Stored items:
....
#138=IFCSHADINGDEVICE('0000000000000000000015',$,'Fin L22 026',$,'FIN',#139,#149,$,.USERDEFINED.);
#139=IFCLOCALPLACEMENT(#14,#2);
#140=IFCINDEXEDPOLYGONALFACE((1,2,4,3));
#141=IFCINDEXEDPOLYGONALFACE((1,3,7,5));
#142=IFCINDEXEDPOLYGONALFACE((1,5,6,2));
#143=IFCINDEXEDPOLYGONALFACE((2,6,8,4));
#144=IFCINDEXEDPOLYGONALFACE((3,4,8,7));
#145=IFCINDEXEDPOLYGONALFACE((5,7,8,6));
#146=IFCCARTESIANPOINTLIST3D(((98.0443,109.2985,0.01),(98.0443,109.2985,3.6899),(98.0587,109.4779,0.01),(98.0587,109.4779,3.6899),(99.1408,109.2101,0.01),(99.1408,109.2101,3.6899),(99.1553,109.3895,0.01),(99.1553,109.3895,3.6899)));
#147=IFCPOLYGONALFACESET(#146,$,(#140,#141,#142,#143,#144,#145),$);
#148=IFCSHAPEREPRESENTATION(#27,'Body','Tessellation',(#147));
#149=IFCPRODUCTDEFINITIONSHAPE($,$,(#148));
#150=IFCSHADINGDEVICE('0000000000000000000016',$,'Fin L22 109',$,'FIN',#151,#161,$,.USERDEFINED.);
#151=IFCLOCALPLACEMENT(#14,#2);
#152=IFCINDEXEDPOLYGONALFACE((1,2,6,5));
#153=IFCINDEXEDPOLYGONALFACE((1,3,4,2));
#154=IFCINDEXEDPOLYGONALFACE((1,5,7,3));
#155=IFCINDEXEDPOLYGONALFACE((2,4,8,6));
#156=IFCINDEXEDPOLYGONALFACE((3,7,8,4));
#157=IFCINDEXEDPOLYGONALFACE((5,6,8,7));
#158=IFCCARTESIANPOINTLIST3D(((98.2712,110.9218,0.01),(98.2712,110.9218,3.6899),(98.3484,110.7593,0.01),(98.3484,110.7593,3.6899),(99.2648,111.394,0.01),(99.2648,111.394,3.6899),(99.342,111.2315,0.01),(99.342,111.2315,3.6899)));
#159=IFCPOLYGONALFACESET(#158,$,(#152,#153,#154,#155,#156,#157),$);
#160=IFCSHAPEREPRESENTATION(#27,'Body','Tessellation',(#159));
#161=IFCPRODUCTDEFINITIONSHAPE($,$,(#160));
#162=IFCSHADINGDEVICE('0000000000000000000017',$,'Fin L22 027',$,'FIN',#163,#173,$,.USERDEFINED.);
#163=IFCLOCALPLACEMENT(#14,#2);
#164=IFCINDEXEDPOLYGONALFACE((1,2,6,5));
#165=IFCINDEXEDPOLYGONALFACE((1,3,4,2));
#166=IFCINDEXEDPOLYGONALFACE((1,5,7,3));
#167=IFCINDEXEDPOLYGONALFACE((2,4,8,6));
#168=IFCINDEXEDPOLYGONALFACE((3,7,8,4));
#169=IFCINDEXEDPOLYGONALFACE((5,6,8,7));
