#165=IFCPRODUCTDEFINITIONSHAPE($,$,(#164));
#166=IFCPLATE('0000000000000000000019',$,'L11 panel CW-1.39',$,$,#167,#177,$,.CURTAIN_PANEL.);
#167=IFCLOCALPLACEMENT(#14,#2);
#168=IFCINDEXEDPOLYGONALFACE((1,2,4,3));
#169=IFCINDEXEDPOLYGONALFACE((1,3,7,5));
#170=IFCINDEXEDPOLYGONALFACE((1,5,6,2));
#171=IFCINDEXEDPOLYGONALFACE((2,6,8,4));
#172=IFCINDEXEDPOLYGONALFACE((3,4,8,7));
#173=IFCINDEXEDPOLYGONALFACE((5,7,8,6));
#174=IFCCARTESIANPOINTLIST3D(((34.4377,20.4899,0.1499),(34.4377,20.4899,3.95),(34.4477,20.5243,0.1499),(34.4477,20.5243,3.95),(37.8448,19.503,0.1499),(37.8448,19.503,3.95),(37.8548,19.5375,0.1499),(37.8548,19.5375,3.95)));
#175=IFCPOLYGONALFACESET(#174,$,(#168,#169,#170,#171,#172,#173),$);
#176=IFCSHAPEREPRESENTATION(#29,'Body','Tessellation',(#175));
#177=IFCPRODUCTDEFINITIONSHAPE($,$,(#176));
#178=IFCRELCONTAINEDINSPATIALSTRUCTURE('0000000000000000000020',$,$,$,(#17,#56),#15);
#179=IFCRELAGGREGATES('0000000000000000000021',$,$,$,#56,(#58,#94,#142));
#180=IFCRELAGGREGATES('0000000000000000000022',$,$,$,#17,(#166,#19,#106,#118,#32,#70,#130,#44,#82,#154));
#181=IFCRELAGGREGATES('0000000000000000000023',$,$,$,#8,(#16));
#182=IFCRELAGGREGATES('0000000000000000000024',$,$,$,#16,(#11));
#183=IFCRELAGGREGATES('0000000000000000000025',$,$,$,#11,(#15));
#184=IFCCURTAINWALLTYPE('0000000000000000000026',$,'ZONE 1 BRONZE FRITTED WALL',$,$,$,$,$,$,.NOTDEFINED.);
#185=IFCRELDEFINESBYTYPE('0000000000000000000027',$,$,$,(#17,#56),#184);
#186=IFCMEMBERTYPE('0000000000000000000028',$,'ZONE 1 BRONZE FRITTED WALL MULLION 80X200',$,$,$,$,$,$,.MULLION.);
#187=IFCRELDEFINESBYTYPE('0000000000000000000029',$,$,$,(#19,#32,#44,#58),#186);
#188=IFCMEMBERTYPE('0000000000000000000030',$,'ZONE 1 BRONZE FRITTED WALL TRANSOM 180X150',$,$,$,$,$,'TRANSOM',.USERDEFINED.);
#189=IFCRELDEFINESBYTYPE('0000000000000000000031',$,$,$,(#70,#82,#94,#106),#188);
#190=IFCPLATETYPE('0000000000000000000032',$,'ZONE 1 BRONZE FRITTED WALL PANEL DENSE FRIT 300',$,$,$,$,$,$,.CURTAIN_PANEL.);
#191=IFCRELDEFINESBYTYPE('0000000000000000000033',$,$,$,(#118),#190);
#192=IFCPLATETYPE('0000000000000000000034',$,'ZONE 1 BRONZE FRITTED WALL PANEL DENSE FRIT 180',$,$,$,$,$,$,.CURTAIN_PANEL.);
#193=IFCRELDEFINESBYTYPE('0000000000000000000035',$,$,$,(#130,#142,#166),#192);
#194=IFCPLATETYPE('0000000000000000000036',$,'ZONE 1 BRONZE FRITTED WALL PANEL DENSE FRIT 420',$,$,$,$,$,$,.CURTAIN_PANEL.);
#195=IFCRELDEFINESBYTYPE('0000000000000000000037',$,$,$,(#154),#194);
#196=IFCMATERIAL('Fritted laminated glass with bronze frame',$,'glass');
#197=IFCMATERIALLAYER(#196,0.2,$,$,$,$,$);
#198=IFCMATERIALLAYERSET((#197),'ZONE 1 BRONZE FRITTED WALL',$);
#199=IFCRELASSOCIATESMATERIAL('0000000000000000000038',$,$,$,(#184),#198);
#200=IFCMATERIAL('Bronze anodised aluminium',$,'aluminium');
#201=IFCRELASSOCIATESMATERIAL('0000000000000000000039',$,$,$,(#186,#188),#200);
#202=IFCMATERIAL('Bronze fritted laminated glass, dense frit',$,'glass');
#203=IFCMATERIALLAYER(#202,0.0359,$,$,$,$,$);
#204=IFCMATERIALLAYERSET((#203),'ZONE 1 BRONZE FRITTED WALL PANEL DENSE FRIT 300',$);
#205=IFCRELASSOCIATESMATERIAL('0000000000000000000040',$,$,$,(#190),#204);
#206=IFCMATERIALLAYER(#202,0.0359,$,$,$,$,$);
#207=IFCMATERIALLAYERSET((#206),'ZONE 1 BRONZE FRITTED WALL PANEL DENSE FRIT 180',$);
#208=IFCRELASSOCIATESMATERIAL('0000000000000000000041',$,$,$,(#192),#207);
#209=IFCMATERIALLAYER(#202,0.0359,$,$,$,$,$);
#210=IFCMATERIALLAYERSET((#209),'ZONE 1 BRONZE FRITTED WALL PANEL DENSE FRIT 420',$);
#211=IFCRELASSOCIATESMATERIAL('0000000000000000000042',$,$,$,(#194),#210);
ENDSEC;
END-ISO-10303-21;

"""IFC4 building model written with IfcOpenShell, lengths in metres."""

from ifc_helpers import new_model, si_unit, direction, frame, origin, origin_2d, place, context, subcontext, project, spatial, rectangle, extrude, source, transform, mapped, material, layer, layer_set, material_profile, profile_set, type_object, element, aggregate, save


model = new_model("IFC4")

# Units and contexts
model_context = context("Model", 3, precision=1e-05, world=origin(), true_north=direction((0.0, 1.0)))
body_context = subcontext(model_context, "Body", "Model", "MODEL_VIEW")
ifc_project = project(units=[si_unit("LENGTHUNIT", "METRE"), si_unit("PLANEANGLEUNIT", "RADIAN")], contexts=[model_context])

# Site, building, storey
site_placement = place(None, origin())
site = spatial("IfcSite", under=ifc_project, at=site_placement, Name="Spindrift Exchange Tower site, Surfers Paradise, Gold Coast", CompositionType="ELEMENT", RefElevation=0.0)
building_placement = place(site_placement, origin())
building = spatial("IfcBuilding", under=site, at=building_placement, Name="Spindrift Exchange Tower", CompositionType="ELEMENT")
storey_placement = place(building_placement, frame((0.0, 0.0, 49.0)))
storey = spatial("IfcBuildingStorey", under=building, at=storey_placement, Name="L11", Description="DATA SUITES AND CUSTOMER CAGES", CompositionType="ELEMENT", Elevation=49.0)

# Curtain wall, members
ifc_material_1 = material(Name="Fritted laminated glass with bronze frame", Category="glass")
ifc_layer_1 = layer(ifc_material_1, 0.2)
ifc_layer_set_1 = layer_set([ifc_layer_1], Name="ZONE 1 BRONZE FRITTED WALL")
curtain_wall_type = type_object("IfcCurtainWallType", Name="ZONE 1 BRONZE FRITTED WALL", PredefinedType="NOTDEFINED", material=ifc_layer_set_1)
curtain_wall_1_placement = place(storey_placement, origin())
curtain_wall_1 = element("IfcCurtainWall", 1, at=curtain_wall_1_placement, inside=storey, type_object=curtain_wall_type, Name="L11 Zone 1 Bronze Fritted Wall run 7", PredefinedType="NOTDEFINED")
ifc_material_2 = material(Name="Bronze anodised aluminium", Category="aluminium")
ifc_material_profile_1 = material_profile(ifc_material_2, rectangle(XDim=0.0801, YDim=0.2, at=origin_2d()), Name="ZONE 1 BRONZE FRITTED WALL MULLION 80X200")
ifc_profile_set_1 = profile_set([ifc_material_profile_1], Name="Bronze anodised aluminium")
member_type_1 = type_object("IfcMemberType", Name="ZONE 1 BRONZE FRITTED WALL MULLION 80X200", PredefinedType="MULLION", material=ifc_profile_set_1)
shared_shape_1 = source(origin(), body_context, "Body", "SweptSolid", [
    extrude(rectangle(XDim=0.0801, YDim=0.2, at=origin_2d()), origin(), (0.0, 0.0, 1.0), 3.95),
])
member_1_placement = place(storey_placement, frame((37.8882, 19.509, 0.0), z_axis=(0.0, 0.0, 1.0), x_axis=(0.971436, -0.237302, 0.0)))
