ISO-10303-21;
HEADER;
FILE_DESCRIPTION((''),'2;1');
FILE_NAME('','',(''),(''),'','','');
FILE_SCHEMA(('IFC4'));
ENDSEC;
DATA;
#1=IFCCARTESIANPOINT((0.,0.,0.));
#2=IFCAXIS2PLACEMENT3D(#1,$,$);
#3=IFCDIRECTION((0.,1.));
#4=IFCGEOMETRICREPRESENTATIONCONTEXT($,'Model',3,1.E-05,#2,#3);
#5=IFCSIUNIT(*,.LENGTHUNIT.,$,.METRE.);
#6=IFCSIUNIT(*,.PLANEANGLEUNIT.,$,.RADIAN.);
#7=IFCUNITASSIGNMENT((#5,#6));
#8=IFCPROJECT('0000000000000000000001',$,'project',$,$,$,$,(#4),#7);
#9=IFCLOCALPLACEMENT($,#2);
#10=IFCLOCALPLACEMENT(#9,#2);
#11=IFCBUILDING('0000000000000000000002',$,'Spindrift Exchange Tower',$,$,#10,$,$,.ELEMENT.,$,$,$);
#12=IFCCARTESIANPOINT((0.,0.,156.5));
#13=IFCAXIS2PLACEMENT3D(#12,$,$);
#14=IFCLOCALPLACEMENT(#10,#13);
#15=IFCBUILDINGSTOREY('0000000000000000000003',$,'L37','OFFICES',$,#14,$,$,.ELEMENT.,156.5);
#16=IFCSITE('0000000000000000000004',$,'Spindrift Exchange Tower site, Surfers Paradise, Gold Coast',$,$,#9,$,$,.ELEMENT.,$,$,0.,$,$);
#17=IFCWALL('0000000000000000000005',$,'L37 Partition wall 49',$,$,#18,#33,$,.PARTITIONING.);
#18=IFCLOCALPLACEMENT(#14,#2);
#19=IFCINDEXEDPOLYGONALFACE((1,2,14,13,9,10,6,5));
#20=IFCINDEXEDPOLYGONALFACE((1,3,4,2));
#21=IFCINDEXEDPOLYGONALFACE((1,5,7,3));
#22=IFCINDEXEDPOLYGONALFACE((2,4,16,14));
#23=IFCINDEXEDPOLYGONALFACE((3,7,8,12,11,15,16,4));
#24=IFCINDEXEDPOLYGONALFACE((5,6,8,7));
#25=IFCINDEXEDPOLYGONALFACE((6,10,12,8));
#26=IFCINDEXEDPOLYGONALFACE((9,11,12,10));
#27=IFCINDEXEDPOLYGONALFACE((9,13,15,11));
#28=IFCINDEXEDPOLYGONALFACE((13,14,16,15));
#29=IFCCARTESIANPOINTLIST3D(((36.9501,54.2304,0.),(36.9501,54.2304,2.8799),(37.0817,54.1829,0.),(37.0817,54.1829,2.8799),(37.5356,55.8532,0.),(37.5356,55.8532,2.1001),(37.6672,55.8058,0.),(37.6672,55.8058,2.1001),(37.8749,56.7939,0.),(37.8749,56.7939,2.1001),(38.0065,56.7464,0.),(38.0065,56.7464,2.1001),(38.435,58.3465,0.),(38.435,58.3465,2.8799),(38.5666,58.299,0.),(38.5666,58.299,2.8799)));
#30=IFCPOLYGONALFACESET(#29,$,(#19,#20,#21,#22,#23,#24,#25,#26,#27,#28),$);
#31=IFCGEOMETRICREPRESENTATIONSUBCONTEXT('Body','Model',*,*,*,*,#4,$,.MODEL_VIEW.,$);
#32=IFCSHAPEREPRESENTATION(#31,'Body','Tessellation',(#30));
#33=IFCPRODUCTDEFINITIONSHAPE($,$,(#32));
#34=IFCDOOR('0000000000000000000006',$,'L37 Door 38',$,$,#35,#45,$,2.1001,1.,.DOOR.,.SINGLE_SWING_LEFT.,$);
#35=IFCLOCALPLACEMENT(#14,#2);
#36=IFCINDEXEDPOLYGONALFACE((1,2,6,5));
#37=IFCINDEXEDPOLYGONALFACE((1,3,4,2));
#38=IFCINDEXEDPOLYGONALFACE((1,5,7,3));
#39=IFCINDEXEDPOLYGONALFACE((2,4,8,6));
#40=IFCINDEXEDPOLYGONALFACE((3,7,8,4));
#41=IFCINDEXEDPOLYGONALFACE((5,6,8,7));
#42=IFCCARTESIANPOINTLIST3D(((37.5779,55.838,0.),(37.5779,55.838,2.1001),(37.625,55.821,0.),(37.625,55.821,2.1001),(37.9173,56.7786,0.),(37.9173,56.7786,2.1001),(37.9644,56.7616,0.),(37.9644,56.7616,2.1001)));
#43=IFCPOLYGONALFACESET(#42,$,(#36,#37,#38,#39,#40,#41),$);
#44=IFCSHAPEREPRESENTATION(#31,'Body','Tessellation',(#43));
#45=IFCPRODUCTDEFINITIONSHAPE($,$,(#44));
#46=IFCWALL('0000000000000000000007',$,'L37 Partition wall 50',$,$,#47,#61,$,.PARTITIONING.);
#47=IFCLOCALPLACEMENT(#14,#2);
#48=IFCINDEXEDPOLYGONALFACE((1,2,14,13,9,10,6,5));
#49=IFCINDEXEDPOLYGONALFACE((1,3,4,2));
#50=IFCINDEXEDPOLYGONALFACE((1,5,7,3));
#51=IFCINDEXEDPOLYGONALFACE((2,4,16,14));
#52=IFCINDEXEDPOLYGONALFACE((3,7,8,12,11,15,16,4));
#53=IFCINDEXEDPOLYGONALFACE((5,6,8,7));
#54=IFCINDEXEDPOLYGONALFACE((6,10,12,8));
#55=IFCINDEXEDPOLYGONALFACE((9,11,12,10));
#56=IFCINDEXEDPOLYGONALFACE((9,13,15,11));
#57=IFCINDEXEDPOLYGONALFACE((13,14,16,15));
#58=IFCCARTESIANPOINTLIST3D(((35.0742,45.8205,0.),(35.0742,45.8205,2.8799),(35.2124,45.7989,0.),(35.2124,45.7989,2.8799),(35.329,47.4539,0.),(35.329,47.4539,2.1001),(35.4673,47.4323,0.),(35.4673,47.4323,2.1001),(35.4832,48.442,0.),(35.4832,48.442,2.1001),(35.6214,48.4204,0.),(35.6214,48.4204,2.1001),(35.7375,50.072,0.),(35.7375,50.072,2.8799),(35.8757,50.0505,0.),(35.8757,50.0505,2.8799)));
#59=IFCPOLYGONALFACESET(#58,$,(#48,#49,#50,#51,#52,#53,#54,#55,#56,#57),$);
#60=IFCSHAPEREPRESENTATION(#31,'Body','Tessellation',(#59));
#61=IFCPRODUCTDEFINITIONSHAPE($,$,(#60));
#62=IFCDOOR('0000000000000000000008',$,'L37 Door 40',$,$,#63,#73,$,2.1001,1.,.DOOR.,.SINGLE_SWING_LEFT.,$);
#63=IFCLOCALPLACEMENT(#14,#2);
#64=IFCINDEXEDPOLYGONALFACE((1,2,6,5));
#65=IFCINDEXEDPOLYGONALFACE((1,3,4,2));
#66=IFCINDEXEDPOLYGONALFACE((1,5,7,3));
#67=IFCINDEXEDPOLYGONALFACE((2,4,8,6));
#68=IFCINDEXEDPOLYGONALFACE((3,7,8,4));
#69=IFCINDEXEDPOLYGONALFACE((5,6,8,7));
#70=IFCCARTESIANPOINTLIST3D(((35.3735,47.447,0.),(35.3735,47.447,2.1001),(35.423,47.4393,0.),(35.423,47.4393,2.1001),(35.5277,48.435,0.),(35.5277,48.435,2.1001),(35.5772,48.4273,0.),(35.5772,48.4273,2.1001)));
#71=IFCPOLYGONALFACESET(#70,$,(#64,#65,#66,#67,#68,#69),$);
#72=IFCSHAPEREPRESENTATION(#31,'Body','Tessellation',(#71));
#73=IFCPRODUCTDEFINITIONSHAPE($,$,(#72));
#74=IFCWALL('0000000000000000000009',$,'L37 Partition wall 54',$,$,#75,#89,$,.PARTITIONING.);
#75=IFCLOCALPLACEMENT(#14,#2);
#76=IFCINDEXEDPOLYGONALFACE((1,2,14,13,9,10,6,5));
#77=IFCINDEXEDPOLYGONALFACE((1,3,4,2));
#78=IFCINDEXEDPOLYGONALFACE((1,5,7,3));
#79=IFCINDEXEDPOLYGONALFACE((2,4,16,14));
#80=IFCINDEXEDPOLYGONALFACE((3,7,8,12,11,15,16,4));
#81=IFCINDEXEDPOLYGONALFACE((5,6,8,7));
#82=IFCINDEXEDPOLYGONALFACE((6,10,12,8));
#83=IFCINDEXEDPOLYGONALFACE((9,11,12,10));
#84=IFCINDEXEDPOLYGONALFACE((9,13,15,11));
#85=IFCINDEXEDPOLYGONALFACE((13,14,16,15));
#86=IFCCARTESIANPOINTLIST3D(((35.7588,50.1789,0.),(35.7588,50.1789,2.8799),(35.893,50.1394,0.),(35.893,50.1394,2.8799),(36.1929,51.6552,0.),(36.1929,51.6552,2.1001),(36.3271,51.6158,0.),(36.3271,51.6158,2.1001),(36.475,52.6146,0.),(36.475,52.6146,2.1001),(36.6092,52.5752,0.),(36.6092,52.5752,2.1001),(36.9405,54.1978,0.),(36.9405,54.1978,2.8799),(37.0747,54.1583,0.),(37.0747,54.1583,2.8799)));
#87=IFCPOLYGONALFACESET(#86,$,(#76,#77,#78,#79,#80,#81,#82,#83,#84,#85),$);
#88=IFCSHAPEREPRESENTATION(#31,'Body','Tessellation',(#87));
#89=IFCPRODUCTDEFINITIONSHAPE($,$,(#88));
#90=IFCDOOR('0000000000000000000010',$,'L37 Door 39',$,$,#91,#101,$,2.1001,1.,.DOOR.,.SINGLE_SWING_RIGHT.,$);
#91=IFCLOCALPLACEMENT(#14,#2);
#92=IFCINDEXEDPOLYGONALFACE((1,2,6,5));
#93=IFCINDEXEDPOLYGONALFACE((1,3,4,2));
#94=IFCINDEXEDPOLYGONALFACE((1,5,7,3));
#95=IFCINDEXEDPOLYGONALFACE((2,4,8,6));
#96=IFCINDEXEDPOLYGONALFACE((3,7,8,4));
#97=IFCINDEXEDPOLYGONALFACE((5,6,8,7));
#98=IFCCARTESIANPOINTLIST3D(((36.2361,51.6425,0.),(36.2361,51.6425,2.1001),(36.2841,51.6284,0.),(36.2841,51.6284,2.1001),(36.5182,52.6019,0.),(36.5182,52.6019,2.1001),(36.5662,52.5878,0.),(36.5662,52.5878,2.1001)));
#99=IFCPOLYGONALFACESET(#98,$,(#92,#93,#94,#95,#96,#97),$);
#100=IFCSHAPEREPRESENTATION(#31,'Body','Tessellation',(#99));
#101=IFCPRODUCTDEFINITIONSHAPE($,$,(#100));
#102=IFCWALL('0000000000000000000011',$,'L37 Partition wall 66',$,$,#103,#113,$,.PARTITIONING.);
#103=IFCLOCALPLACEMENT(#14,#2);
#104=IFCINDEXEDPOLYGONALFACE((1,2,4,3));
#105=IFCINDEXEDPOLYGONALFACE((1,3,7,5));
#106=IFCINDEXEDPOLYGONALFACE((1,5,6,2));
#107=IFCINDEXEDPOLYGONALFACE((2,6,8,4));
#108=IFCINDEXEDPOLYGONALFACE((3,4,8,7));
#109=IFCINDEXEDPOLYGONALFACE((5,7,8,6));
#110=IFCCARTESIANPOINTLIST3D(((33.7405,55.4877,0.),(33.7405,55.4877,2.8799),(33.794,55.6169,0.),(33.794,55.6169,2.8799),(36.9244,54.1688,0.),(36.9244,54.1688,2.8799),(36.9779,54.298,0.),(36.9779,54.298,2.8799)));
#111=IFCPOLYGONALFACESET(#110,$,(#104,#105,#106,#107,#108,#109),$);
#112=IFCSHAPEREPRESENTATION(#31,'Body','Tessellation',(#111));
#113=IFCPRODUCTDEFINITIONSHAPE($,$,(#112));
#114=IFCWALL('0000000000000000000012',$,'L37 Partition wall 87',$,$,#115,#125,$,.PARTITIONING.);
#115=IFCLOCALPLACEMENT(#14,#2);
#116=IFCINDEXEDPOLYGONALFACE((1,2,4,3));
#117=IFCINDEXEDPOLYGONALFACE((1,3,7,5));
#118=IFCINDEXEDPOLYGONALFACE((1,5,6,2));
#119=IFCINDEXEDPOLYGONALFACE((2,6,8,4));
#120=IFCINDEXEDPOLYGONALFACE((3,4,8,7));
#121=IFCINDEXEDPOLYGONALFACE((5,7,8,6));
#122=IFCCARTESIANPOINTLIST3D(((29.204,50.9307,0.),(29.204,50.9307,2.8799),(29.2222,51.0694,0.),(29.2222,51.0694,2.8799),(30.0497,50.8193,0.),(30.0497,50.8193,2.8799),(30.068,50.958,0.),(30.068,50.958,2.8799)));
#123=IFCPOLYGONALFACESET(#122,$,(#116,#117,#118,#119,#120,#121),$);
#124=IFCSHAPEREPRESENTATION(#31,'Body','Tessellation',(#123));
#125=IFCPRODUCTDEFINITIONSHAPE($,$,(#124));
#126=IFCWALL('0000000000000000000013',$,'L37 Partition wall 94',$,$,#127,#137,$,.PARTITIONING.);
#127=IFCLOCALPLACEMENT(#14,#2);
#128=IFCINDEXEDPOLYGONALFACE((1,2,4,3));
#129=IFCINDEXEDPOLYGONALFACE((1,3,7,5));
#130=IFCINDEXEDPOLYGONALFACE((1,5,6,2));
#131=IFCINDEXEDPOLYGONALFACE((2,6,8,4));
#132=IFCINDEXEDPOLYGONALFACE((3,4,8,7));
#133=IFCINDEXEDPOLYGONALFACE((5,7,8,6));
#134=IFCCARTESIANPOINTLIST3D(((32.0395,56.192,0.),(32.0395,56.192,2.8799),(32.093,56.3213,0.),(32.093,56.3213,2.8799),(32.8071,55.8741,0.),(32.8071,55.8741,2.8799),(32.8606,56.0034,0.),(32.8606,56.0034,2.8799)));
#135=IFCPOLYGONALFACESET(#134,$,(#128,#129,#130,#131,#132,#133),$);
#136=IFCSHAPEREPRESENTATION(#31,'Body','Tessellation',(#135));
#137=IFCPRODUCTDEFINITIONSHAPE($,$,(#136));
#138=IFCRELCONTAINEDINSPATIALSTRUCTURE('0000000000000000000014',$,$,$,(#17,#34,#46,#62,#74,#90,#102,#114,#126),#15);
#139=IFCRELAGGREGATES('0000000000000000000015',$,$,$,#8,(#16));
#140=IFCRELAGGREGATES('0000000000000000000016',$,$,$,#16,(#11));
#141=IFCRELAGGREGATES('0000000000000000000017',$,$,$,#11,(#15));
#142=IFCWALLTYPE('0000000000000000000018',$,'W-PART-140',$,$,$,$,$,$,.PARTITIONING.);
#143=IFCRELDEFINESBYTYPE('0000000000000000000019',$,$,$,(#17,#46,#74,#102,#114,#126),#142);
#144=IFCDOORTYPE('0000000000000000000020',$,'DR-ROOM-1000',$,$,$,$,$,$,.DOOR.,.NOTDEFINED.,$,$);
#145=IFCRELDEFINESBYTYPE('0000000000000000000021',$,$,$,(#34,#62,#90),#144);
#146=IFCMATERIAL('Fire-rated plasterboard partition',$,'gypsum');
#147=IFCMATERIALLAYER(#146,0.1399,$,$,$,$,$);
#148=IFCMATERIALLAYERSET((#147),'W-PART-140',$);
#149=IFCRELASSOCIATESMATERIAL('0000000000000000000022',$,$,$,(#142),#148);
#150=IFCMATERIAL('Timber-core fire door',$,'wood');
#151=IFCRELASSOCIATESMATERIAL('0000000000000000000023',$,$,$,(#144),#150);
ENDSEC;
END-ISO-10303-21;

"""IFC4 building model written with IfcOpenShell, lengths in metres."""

from ifc_helpers import new_model, si_unit, direction, frame, frame_2d, origin, place, context, subcontext, project, spatial, rectangle, extrude, source, transform, mapped, material, layer, layer_set, type_object, element, fill, save


model = new_model("IFC4")

# Units and contexts
model_context = context("Model", 3, precision=1e-05, world=origin(), true_north=direction((0.0, 1.0)))
body_context = subcontext(model_context, "Body", "Model", "MODEL_VIEW")
ifc_project = project(units=[si_unit("LENGTHUNIT", "METRE"), si_unit("PLANEANGLEUNIT", "RADIAN")], contexts=[model_context])

# Site, building, storey
site_placement = place(None, origin())
site = spatial("IfcSite", under=ifc_project, at=site_placement, Name="Spindrift Exchange Tower site, Surfers Paradise, Gold Coast", CompositionType="ELEMENT", RefElevation=0.0)
building_placement = place(site_placement, origin())
building = spatial("IfcBuilding", under=site, at=building_placement, Name="Spindrift Exchange Tower", CompositionType="ELEMENT")
storey_placement = place(building_placement, frame((0.0, 0.0, 156.5)))
storey = spatial("IfcBuildingStorey", under=building, at=storey_placement, Name="L37", Description="OFFICES", CompositionType="ELEMENT", Elevation=156.5)

# Shared definitions
ifc_material_1 = material(Name="Fire-rated plasterboard partition", Category="gypsum")
ifc_layer_1 = layer(ifc_material_1, 0.1399)
ifc_layer_set_1 = layer_set([ifc_layer_1], Name="W-PART-140")
wall_type = type_object("IfcWallType", Name="W-PART-140", PredefinedType="PARTITIONING", material=ifc_layer_set_1)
....
TASK STATEMENT: Collect from the data above every line that includes "IFCRELCONTAINEDINSPATIALSTRUCTURE".

YOUR SOLUTION:
#178=IFCRELCONTAINEDINSPATIALSTRUCTURE('0000000000000000000020',$,$,$,(#17,#56),#15);
#138=IFCRELCONTAINEDINSPATIALSTRUCTURE('0000000000000000000014',$,$,$,(#17,#34,#46,#62,#74,#90,#102,#114,#126),#15);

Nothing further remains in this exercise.